Stored entries:
-=-=-

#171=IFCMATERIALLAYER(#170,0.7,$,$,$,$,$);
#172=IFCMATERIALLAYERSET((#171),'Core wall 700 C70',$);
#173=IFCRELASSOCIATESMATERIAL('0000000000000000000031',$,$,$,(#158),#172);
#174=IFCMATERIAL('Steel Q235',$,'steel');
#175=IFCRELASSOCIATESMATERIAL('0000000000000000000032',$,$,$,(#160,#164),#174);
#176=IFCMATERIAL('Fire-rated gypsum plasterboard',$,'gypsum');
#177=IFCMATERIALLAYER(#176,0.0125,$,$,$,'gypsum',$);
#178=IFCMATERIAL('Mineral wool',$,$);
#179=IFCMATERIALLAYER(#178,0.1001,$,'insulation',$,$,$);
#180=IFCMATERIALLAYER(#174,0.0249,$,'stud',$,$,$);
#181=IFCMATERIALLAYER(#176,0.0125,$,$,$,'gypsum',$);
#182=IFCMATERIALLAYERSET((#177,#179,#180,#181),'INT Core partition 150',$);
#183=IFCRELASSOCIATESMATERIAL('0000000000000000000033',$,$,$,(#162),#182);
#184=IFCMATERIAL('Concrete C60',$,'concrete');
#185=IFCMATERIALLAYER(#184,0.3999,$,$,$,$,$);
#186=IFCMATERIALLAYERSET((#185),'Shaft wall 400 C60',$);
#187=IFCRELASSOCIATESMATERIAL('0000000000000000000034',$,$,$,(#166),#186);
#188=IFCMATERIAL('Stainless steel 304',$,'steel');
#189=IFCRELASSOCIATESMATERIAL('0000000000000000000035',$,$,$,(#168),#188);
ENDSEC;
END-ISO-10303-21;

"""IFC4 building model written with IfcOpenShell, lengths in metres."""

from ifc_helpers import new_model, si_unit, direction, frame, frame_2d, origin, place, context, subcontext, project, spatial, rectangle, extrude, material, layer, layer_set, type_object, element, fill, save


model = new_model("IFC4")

-=-=-

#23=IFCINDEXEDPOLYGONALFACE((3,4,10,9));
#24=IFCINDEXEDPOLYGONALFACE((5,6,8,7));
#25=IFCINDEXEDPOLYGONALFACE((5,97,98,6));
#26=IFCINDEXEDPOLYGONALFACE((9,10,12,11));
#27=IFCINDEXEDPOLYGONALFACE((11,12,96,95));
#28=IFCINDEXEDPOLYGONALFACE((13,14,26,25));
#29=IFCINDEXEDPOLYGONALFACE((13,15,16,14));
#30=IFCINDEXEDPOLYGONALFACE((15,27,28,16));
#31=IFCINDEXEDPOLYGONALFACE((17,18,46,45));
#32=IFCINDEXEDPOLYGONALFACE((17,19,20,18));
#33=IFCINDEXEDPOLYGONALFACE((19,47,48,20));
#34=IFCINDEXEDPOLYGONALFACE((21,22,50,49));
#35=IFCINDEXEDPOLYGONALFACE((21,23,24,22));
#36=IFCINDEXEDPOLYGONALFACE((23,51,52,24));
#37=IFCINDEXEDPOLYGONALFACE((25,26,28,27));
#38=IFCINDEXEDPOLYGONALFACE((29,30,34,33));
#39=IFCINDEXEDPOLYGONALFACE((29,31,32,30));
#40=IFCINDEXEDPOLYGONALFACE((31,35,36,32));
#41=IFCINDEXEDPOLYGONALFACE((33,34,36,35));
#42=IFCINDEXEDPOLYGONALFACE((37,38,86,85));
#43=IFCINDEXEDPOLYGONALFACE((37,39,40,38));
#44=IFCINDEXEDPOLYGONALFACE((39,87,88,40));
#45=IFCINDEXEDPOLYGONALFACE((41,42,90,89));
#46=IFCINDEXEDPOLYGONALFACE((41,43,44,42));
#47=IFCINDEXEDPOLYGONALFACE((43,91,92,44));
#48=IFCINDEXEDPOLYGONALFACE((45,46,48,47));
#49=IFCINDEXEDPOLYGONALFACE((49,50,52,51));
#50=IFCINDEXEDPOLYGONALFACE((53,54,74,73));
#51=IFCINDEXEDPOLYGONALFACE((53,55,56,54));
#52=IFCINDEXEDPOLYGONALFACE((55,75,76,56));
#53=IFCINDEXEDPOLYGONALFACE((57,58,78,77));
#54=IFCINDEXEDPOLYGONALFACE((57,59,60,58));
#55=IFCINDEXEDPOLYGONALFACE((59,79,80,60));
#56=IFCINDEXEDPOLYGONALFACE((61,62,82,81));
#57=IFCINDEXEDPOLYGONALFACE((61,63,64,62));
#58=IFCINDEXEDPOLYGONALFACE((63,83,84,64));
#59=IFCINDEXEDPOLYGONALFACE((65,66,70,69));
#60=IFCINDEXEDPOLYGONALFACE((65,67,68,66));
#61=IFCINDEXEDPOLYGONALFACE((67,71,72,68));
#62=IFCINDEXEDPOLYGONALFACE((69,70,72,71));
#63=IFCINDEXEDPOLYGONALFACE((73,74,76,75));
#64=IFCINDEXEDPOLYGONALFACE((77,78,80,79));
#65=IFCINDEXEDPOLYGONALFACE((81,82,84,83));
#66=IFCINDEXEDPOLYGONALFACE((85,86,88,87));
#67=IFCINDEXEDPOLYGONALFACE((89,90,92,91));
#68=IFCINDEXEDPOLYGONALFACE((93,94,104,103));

-=-=-

### Task to carry out
From the records above, repeat exactly the lines from the one with "#56=IFCINDEXEDPOLYGONALFACE((61,62,82,81));" through the one with "#68=IFCINDEXEDPOLYGONALFACE((93,94,104,103));", both included.

### Answer section
#56=IFCINDEXEDPOLYGONALFACE((61,62,82,81));
#57=IFCINDEXEDPOLYGONALFACE((61,63,64,62));
#58=IFCINDEXEDPOLYGONALFACE((63,83,84,64));
#59=IFCINDEXEDPOLYGONALFACE((65,66,70,69));
#60=IFCINDEXEDPOLYGONALFACE((65,67,68,66));
#61=IFCINDEXEDPOLYGONALFACE((67,71,72,68));
#62=IFCINDEXEDPOLYGONALFACE((69,70,72,71));
#63=IFCINDEXEDPOLYGONALFACE((73,74,76,75));
#64=IFCINDEXEDPOLYGONALFACE((77,78,80,79));
#65=IFCINDEXEDPOLYGONALFACE((81,82,84,83));
#66=IFCINDEXEDPOLYGONALFACE((85,86,88,87));
#67=IFCINDEXEDPOLYGONALFACE((89,90,92,91));
#68=IFCINDEXEDPOLYGONALFACE((93,94,104,103));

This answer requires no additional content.